● YOUR INSTRUCTIONS:
Look through the data below for the line with "#107=IFCINDEXEDPOLYGONALFACE((2,6,8,4));", and transcribe it exactly together with each line after it up to and including the line with "#126=IFCDOORTYPE('0000000000000000000024',$,'Door 900 x". Give nothing else.
START INFORMATION SUPPLIED
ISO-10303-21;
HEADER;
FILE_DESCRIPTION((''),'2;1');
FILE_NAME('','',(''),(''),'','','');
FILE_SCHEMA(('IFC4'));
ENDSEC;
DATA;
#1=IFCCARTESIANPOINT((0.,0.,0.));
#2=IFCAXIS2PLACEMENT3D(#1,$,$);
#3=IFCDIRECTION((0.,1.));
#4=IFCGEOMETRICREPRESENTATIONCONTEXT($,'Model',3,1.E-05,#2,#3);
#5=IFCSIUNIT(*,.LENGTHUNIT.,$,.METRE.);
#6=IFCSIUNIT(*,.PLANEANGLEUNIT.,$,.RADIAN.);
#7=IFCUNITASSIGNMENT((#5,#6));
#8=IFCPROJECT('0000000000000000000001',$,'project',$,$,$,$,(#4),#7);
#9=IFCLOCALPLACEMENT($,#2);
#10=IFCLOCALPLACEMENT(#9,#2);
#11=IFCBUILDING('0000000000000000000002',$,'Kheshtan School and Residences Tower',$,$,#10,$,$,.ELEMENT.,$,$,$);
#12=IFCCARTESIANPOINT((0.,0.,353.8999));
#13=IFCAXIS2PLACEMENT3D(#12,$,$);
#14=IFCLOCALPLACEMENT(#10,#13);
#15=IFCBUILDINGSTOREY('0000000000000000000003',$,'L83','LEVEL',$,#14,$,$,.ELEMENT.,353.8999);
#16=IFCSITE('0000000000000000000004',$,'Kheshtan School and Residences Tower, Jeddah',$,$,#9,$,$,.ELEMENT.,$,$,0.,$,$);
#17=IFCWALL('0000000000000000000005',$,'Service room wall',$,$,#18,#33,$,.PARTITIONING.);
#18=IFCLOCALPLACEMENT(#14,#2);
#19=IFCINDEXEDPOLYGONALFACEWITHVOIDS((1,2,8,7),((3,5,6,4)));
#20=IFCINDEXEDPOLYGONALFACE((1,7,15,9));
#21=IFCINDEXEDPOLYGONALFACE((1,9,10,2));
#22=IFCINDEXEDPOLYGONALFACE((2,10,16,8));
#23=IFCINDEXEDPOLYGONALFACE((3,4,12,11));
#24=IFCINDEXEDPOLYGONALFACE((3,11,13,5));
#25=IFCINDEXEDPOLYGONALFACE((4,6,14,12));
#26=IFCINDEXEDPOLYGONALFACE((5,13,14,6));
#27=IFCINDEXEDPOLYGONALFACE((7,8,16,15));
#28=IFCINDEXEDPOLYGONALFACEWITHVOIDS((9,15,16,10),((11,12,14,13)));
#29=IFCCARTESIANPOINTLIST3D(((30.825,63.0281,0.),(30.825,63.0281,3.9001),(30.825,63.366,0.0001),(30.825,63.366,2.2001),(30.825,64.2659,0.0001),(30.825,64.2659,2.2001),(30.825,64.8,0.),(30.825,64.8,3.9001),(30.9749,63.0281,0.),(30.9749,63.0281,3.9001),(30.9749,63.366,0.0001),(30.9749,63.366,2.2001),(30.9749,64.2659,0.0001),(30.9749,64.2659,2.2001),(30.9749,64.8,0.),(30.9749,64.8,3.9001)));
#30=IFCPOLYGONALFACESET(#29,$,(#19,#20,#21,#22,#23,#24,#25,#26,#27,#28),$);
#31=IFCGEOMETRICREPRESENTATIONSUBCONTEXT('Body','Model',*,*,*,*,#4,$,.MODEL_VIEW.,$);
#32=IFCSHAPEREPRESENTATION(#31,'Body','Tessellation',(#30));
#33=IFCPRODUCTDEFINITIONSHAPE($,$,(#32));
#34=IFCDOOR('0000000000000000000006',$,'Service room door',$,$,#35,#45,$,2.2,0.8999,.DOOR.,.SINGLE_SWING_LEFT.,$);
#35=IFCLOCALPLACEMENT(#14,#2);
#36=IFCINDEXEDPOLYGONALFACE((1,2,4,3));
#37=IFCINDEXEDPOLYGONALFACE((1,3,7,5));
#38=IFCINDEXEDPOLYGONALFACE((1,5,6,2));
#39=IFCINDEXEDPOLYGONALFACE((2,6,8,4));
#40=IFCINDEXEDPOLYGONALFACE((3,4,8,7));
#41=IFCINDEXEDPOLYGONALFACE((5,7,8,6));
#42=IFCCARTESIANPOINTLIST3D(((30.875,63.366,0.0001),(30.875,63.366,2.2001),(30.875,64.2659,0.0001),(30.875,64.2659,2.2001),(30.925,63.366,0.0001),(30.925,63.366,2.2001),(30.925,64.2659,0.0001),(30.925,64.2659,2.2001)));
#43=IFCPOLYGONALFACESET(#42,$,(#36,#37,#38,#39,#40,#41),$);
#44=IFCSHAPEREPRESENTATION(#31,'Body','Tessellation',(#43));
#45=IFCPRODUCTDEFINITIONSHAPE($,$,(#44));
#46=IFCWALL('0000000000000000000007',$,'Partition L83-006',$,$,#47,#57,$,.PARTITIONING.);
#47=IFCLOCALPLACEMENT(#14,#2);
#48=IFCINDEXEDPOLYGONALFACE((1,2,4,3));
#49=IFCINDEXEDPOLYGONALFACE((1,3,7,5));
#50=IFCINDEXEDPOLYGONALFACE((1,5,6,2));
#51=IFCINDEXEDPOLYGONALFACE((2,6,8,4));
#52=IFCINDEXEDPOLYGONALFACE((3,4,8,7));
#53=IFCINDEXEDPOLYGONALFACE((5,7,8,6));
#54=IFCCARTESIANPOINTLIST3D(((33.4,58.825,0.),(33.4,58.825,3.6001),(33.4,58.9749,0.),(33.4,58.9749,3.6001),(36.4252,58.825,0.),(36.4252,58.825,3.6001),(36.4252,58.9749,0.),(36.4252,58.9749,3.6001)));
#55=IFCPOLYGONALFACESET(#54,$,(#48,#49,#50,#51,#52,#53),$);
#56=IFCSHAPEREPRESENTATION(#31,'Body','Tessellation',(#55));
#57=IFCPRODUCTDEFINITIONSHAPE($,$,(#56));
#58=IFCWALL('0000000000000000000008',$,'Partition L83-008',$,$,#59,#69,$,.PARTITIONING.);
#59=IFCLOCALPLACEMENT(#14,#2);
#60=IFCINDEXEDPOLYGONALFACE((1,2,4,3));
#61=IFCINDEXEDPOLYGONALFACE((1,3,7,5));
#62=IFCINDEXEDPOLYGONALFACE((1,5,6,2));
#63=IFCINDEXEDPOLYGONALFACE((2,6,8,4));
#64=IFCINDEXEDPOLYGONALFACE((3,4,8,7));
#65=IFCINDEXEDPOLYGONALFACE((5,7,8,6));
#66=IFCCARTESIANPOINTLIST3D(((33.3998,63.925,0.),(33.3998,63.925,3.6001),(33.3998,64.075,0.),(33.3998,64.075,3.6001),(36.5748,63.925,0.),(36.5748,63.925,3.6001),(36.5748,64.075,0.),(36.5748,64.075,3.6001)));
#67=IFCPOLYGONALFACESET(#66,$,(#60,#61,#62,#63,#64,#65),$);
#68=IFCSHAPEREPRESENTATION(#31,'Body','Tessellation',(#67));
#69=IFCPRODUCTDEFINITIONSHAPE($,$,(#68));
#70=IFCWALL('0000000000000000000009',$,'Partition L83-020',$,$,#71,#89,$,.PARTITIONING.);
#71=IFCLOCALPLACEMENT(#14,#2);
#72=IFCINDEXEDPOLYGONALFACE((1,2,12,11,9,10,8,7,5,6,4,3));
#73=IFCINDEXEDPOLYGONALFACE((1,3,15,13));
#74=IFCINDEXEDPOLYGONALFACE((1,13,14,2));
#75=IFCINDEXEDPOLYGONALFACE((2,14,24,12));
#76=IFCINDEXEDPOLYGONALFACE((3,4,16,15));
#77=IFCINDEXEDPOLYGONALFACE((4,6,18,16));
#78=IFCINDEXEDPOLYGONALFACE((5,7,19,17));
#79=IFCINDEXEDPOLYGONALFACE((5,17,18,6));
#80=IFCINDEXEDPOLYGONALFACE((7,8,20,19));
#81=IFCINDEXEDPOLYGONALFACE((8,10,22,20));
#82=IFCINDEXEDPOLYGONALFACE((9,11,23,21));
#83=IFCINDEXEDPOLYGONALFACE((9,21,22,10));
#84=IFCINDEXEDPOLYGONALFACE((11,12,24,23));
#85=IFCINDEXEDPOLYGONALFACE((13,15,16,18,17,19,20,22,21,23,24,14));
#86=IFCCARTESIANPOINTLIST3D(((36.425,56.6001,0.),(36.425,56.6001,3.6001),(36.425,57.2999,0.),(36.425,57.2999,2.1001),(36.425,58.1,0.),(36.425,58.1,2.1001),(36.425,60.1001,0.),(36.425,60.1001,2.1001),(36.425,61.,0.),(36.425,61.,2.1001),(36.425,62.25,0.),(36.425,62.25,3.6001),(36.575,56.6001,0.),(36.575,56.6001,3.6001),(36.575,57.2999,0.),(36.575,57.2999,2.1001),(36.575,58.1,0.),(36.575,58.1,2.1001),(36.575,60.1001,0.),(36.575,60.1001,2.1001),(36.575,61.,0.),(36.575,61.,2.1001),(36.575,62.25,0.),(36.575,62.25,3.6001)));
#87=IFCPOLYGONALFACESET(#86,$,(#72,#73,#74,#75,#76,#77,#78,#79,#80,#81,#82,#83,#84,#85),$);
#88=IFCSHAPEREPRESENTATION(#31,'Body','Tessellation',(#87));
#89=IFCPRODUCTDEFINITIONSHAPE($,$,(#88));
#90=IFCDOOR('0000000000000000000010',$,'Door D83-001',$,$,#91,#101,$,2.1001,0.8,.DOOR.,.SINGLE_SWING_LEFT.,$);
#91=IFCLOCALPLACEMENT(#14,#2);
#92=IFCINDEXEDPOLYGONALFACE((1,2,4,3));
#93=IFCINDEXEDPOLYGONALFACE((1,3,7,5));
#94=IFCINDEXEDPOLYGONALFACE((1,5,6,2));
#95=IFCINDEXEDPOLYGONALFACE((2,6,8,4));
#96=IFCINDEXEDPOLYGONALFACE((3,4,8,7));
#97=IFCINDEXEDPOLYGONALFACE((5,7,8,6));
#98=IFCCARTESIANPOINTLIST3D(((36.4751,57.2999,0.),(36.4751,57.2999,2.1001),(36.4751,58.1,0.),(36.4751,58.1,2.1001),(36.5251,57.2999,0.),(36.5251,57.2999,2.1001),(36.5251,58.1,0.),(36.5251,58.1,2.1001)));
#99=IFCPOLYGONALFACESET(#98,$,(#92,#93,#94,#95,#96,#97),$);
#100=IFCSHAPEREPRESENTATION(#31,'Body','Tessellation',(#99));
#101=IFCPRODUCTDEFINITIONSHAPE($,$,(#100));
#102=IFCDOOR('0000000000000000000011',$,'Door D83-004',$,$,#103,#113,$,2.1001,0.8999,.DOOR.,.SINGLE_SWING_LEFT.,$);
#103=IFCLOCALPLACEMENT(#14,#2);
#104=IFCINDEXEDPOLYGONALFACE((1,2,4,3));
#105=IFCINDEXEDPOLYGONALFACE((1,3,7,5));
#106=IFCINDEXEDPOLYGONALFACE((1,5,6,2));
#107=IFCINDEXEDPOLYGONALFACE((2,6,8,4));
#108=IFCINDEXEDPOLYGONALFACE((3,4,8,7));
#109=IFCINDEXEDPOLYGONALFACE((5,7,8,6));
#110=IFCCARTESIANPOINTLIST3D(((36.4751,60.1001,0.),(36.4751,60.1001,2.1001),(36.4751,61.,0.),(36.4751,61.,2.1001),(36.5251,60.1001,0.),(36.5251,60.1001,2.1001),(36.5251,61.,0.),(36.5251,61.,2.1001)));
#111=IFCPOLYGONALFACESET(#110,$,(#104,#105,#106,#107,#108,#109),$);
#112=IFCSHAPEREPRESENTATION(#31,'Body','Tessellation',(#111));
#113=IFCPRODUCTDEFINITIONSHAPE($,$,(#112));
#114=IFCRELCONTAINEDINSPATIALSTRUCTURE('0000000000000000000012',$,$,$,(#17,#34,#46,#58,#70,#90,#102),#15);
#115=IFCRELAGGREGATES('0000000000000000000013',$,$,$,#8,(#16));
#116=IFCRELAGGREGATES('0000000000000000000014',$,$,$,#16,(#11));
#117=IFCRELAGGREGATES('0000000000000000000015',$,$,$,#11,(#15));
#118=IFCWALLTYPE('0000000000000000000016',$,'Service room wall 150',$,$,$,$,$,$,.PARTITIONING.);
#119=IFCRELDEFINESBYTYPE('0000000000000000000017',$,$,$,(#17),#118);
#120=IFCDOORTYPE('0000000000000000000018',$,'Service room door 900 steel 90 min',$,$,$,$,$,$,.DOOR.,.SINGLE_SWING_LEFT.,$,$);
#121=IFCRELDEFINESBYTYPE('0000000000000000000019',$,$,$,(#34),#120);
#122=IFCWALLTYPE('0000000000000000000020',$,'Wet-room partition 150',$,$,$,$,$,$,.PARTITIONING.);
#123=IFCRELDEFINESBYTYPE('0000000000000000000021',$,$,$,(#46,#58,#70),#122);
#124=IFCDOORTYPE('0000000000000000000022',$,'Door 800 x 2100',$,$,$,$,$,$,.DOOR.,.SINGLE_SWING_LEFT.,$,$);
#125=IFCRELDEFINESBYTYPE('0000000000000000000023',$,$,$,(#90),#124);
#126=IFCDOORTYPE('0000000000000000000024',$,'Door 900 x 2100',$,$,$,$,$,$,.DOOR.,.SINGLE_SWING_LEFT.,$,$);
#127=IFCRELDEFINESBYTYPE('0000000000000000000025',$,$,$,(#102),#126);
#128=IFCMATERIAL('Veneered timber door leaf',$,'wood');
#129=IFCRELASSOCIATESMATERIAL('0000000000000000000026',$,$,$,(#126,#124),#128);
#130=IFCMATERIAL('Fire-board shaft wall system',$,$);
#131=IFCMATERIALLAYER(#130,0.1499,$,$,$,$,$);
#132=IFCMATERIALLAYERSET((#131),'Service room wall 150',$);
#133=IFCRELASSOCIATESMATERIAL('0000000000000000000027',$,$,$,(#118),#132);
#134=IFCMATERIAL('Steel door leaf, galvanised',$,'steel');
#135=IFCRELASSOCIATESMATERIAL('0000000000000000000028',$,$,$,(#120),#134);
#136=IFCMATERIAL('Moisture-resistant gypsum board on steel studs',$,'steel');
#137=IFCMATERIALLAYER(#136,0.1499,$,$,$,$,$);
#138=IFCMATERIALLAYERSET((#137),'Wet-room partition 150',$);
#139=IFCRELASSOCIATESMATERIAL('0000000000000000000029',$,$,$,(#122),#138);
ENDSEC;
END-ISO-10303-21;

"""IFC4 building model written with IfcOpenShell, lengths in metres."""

from ifc_helpers import new_model, si_unit, direction, frame, frame_2d, origin, place, context, subcontext, project, spatial, rectangle, extrude, source, transform, mapped, material, layer, layer_set, type_object, element, fill, save


model = new_model("IFC4")

# Units and contexts
model_context = context("Model", 3, precision=1e-05, world=origin(), true_north=direction((0.0, 1.0)))
body_context = subcontext(model_context, "Body", "Model", "MODEL_VIEW")
ifc_project = project(units=[si_unit("LENGTHUNIT", "METRE"), si_unit("PLANEANGLEUNIT", "RADIAN")], contexts=[model_context])

# Site, building, storey
site_placement = place(None, origin())
site = spatial("IfcSite", under=ifc_project, at=site_placement, Name="Kheshtan School and Residences Tower, Jeddah", CompositionType="ELEMENT", RefElevation=0.0)
building_placement = place(site_placement, origin())
building = spatial("IfcBuilding", under=site, at=building_placement, Name="Kheshtan School and Residences Tower", CompositionType="ELEMENT")
storey_placement = place(building_placement, frame((0.0, 0.0, 353.8999)))
storey = spatial("IfcBuildingStorey", under=building, at=storey_placement, Name="L83", Description="LEVEL", CompositionType="ELEMENT", Elevation=353.8999)

# Shared definitions
ifc_material_1 = material(Name="Veneered timber door leaf", Category="wood")
door_type_1 = type_object("IfcDoorType", Name="Door 900 x 2100", OperationType="SINGLE_SWING_LEFT", PredefinedType="DOOR", material=ifc_material_1)
shared_shape_1 = source(origin(), body_context, "Body", "SweptSolid", [
    extrude(rectangle(XDim=0.8999, YDim=2.1001, at=frame_2d((0.45, 1.05))), frame((0.0, 0.0249, 0.0), z_axis=(0.0, -1.0, 0.0), x_axis=(1.0, 0.0, 0.0)), (0.0, 0.0, 1.0), 0.05),
])

# Shared definitions
ifc_material_2 = material(Name="Fire-board shaft wall system")
ifc_layer_1 = layer(ifc_material_2, 0.1499)
ifc_layer_set_1 = layer_set([ifc_layer_1], Name="Service room wall 150")
wall_type_1 = type_object("IfcWallType", Name="Service room wall 150", PredefinedType="PARTITIONING", material=ifc_layer_set_1)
END INFORMATION SUPPLIED
● YOUR SOLUTION:
#107=IFCINDEXEDPOLYGONALFACE((2,6,8,4));
#108=IFCINDEXEDPOLYGONALFACE((3,4,8,7));
#109=IFCINDEXEDPOLYGONALFACE((5,7,8,6));
#110=IFCCARTESIANPOINTLIST3D(((36.4751,60.1001,0.),(36.4751,60.1001,2.1001),(36.4751,61.,0.),(36.4751,61.,2.1001),(36.5251,60.1001,0.),(36.5251,60.1001,2.1001),(36.5251,61.,0.),(36.5251,61.,2.1001)));
#111=IFCPOLYGONALFACESET(#110,$,(#104,#105,#106,#107,#108,#109),$);
#112=IFCSHAPEREPRESENTATION(#31,'Body','Tessellation',(#111));
#113=IFCPRODUCTDEFINITIONSHAPE($,$,(#112));
#114=IFCRELCONTAINEDINSPATIALSTRUCTURE('0000000000000000000012',$,$,$,(#17,#34,#46,#58,#70,#90,#102),#15);
#115=IFCRELAGGREGATES('0000000000000000000013',$,$,$,#8,(#16));
#116=IFCRELAGGREGATES('0000000000000000000014',$,$,$,#16,(#11));
#117=IFCRELAGGREGATES('0000000000000000000015',$,$,$,#11,(#15));
#118=IFCWALLTYPE('0000000000000000000016',$,'Service room wall 150',$,$,$,$,$,$,.PARTITIONING.);
#119=IFCRELDEFINESBYTYPE('0000000000000000000017',$,$,$,(#17),#118);
#120=IFCDOORTYPE('0000000000000000000018',$,'Service room door 900 steel 90 min',$,$,$,$,$,$,.DOOR.,.SINGLE_SWING_LEFT.,$,$);
#121=IFCRELDEFINESBYTYPE('0000000000000000000019',$,$,$,(#34),#120);
#122=IFCWALLTYPE('0000000000000000000020',$,'Wet-room partition 150',$,$,$,$,$,$,.PARTITIONING.);
#123=IFCRELDEFINESBYTYPE('0000000000000000000021',$,$,$,(#46,#58,#70),#122);
#124=IFCDOORTYPE('0000000000000000000022',$,'Door 800 x 2100',$,$,$,$,$,$,.DOOR.,.SINGLE_SWING_LEFT.,$,$);
#125=IFCRELDEFINESBYTYPE('0000000000000000000023',$,$,$,(#90),#124);
#126=IFCDOORTYPE('0000000000000000000024',$,'Door 900 x 2100',$,$,$,$,$,$,.DOOR.,.SINGLE_SWING_LEFT.,$,$);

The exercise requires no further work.